### Provided data ###

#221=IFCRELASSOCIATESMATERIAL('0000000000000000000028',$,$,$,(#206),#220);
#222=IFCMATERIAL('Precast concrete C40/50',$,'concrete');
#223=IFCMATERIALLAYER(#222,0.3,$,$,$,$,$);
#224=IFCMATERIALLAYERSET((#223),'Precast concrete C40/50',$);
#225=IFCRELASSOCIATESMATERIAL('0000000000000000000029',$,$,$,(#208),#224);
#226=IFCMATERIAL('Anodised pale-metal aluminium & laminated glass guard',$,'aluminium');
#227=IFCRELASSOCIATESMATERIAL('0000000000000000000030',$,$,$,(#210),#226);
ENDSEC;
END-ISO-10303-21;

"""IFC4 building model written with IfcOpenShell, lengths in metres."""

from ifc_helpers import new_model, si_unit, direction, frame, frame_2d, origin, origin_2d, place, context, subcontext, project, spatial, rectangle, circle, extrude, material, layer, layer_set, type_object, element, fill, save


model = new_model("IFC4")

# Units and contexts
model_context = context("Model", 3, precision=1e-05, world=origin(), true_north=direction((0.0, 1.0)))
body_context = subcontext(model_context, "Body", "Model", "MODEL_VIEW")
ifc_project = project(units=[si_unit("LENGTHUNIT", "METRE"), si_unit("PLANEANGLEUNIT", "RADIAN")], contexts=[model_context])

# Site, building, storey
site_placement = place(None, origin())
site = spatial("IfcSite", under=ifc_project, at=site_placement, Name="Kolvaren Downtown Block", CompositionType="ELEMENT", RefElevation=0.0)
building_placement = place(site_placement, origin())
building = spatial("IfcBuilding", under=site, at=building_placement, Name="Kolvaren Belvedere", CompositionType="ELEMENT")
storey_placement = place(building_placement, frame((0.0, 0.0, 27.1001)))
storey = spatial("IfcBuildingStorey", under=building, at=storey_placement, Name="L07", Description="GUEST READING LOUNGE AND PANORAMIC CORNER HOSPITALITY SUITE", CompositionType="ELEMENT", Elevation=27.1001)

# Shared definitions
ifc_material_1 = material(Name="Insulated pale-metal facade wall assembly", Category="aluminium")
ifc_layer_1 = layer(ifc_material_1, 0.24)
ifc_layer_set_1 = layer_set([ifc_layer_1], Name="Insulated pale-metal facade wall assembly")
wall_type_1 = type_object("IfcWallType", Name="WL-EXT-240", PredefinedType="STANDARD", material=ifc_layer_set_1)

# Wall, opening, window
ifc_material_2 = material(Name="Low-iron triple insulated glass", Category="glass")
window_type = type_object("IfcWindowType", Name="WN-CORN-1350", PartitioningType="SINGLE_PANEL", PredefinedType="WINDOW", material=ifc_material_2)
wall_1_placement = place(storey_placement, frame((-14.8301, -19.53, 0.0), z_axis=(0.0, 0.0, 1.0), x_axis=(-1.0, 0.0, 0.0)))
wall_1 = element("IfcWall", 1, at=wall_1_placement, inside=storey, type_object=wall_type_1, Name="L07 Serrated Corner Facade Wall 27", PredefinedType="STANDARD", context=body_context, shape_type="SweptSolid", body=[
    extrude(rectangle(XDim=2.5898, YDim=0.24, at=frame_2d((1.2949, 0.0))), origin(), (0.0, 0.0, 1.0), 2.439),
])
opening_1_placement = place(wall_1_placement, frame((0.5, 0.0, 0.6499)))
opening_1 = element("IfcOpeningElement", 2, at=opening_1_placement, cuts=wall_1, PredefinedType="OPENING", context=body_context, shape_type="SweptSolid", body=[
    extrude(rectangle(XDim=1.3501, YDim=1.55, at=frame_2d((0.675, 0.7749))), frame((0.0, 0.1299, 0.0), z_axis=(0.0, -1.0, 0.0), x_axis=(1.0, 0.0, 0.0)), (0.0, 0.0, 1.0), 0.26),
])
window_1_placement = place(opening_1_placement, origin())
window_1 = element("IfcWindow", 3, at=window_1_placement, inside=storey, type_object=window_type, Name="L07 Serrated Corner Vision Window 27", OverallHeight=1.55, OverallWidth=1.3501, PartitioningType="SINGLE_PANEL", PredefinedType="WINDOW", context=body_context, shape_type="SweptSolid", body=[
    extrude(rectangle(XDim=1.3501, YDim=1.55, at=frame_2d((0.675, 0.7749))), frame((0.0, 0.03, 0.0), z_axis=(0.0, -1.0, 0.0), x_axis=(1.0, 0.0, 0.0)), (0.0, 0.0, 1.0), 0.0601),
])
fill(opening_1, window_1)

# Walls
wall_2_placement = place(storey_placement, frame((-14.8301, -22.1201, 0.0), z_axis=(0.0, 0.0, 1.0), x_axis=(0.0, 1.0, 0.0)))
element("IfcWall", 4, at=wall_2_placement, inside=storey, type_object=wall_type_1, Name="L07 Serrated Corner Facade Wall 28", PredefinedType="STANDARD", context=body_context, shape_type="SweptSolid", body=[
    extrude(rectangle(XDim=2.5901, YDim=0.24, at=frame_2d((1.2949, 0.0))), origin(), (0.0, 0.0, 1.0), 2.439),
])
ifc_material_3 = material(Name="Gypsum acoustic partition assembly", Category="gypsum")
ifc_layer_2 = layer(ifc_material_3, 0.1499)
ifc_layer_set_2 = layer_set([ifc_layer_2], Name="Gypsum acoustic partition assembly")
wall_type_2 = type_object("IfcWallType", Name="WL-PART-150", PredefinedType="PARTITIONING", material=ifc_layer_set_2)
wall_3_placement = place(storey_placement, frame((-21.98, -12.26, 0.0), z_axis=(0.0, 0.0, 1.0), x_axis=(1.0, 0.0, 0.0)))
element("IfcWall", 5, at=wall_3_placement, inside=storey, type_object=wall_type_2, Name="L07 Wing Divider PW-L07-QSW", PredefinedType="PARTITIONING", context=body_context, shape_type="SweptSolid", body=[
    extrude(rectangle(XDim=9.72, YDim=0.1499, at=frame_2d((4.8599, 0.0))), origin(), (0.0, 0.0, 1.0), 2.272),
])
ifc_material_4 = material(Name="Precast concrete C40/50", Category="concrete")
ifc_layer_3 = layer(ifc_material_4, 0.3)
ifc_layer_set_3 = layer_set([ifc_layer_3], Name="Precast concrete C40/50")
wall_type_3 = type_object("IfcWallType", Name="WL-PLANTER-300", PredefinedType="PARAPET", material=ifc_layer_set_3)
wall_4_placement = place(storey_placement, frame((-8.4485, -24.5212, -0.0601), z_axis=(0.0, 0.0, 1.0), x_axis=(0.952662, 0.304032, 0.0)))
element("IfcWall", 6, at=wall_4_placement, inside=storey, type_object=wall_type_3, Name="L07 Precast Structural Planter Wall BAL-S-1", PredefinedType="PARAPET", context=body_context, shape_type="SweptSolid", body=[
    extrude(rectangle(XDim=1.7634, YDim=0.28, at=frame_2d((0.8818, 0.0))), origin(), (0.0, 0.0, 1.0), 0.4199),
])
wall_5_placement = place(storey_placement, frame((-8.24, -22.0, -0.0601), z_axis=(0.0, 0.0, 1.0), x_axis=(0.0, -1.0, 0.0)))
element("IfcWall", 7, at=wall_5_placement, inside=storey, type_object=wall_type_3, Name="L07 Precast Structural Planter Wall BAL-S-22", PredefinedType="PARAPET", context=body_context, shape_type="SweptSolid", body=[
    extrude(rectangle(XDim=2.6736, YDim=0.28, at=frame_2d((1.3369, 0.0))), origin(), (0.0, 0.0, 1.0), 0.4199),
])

###

Instructions for the task
If a line in the records above contains the word "aluminium", count it, then give the total and nothing else.

The completed task
2